> Your assignment:
Reproduce the data that follows in its entirety, character for character.

(Records from a data source)
BEGIN

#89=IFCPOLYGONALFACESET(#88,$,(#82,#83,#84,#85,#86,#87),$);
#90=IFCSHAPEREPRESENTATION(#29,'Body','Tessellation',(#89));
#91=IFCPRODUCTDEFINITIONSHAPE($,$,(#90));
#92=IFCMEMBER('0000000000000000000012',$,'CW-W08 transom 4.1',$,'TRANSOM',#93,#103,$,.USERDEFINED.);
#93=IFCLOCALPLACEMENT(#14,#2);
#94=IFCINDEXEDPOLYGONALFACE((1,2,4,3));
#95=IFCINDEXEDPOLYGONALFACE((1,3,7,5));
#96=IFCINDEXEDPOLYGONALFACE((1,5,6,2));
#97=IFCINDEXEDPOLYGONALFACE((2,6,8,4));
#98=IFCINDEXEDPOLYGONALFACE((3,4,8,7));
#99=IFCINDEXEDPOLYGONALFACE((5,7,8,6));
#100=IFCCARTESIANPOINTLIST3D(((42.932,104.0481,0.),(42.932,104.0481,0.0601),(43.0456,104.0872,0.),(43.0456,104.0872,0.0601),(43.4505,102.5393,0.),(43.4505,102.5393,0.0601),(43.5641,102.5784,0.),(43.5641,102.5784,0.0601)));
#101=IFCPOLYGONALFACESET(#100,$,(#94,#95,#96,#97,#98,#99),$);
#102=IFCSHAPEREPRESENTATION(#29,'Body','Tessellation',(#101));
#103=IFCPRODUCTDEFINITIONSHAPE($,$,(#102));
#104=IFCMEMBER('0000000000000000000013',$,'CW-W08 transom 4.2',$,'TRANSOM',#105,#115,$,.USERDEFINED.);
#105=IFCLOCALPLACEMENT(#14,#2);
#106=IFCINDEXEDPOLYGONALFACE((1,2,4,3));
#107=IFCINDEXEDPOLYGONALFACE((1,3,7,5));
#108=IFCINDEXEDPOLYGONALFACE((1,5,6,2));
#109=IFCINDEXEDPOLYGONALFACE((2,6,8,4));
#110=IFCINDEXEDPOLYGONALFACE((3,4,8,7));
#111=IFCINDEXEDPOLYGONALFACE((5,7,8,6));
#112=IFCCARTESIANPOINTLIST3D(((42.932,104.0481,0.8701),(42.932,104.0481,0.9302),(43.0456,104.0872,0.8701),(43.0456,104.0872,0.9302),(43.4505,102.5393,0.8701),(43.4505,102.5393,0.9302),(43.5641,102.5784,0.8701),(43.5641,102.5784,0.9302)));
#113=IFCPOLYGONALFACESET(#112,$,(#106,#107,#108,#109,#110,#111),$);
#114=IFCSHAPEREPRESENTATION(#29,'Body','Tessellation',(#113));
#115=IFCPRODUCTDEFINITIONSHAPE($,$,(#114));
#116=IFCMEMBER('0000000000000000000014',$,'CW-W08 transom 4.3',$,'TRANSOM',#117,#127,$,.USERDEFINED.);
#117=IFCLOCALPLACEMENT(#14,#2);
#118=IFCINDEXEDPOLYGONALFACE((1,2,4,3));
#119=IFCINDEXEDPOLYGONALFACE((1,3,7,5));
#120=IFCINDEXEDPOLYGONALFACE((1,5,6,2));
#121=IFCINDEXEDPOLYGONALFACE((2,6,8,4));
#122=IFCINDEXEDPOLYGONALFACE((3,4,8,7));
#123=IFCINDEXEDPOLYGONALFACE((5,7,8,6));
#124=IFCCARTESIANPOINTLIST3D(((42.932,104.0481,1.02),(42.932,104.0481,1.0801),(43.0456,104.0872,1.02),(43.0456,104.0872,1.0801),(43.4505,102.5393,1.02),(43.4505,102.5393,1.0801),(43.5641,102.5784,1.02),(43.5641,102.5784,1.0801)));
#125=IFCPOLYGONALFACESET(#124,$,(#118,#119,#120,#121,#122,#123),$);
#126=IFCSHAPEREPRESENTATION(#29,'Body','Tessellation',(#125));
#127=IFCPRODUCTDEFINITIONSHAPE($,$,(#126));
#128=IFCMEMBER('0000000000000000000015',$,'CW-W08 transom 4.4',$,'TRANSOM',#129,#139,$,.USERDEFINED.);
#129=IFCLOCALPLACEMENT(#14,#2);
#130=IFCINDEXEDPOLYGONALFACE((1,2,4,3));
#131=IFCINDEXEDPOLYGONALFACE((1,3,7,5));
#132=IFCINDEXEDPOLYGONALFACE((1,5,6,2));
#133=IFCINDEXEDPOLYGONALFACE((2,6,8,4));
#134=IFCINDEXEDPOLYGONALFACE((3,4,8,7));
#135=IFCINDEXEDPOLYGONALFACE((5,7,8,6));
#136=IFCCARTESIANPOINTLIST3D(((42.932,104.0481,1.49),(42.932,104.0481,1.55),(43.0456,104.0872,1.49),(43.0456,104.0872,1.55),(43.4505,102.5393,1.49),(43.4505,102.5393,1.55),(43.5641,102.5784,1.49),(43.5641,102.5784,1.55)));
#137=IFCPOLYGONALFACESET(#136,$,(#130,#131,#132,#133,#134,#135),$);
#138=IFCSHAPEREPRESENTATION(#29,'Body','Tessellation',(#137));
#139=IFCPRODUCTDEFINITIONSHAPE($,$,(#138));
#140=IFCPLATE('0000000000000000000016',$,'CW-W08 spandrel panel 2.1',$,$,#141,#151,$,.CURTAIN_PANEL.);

END

> Result for this task:
#89=IFCPOLYGONALFACESET(#88,$,(#82,#83,#84,#85,#86,#87),$);
#90=IFCSHAPEREPRESENTATION(#29,'Body','Tessellation',(#89));
#91=IFCPRODUCTDEFINITIONSHAPE($,$,(#90));
#92=IFCMEMBER('0000000000000000000012',$,'CW-W08 transom 4.1',$,'TRANSOM',#93,#103,$,.USERDEFINED.);
#93=IFCLOCALPLACEMENT(#14,#2);
#94=IFCINDEXEDPOLYGONALFACE((1,2,4,3));
#95=IFCINDEXEDPOLYGONALFACE((1,3,7,5));
#96=IFCINDEXEDPOLYGONALFACE((1,5,6,2));
#97=IFCINDEXEDPOLYGONALFACE((2,6,8,4));
#98=IFCINDEXEDPOLYGONALFACE((3,4,8,7));
#99=IFCINDEXEDPOLYGONALFACE((5,7,8,6));
#100=IFCCARTESIANPOINTLIST3D(((42.932,104.0481,0.),(42.932,104.0481,0.0601),(43.0456,104.0872,0.),(43.0456,104.0872,0.0601),(43.4505,102.5393,0.),(43.4505,102.5393,0.0601),(43.5641,102.5784,0.),(43.5641,102.5784,0.0601)));
#101=IFCPOLYGONALFACESET(#100,$,(#94,#95,#96,#97,#98,#99),$);
#102=IFCSHAPEREPRESENTATION(#29,'Body','Tessellation',(#101));
#103=IFCPRODUCTDEFINITIONSHAPE($,$,(#102));
#104=IFCMEMBER('0000000000000000000013',$,'CW-W08 transom 4.2',$,'TRANSOM',#105,#115,$,.USERDEFINED.);
#105=IFCLOCALPLACEMENT(#14,#2);
#106=IFCINDEXEDPOLYGONALFACE((1,2,4,3));
#107=IFCINDEXEDPOLYGONALFACE((1,3,7,5));
#108=IFCINDEXEDPOLYGONALFACE((1,5,6,2));
#109=IFCINDEXEDPOLYGONALFACE((2,6,8,4));
#110=IFCINDEXEDPOLYGONALFACE((3,4,8,7));
#111=IFCINDEXEDPOLYGONALFACE((5,7,8,6));
#112=IFCCARTESIANPOINTLIST3D(((42.932,104.0481,0.8701),(42.932,104.0481,0.9302),(43.0456,104.0872,0.8701),(43.0456,104.0872,0.9302),(43.4505,102.5393,0.8701),(43.4505,102.5393,0.9302),(43.5641,102.5784,0.8701),(43.5641,102.5784,0.9302)));
#113=IFCPOLYGONALFACESET(#112,$,(#106,#107,#108,#109,#110,#111),$);
#114=IFCSHAPEREPRESENTATION(#29,'Body','Tessellation',(#113));
#115=IFCPRODUCTDEFINITIONSHAPE($,$,(#114));
#116=IFCMEMBER('0000000000000000000014',$,'CW-W08 transom 4.3',$,'TRANSOM',#117,#127,$,.USERDEFINED.);
#117=IFCLOCALPLACEMENT(#14,#2);
#118=IFCINDEXEDPOLYGONALFACE((1,2,4,3));
#119=IFCINDEXEDPOLYGONALFACE((1,3,7,5));
#120=IFCINDEXEDPOLYGONALFACE((1,5,6,2));
#121=IFCINDEXEDPOLYGONALFACE((2,6,8,4));
#122=IFCINDEXEDPOLYGONALFACE((3,4,8,7));
#123=IFCINDEXEDPOLYGONALFACE((5,7,8,6));
#124=IFCCARTESIANPOINTLIST3D(((42.932,104.0481,1.02),(42.932,104.0481,1.0801),(43.0456,104.0872,1.02),(43.0456,104.0872,1.0801),(43.4505,102.5393,1.02),(43.4505,102.5393,1.0801),(43.5641,102.5784,1.02),(43.5641,102.5784,1.0801)));
#125=IFCPOLYGONALFACESET(#124,$,(#118,#119,#120,#121,#122,#123),$);
#126=IFCSHAPEREPRESENTATION(#29,'Body','Tessellation',(#125));
#127=IFCPRODUCTDEFINITIONSHAPE($,$,(#126));
#128=IFCMEMBER('0000000000000000000015',$,'CW-W08 transom 4.4',$,'TRANSOM',#129,#139,$,.USERDEFINED.);
#129=IFCLOCALPLACEMENT(#14,#2);
#130=IFCINDEXEDPOLYGONALFACE((1,2,4,3));
#131=IFCINDEXEDPOLYGONALFACE((1,3,7,5));
#132=IFCINDEXEDPOLYGONALFACE((1,5,6,2));
#133=IFCINDEXEDPOLYGONALFACE((2,6,8,4));
#134=IFCINDEXEDPOLYGONALFACE((3,4,8,7));
#135=IFCINDEXEDPOLYGONALFACE((5,7,8,6));
#136=IFCCARTESIANPOINTLIST3D(((42.932,104.0481,1.49),(42.932,104.0481,1.55),(43.0456,104.0872,1.49),(43.0456,104.0872,1.55),(43.4505,102.5393,1.49),(43.4505,102.5393,1.55),(43.5641,102.5784,1.49),(43.5641,102.5784,1.55)));
#137=IFCPOLYGONALFACESET(#136,$,(#130,#131,#132,#133,#134,#135),$);
#138=IFCSHAPEREPRESENTATION(#29,'Body','Tessellation',(#137));
#139=IFCPRODUCTDEFINITIONSHAPE($,$,(#138));
#140=IFCPLATE('0000000000000000000016',$,'CW-W08 spandrel panel 2.1',$,$,#141,#151,$,.CURTAIN_PANEL.);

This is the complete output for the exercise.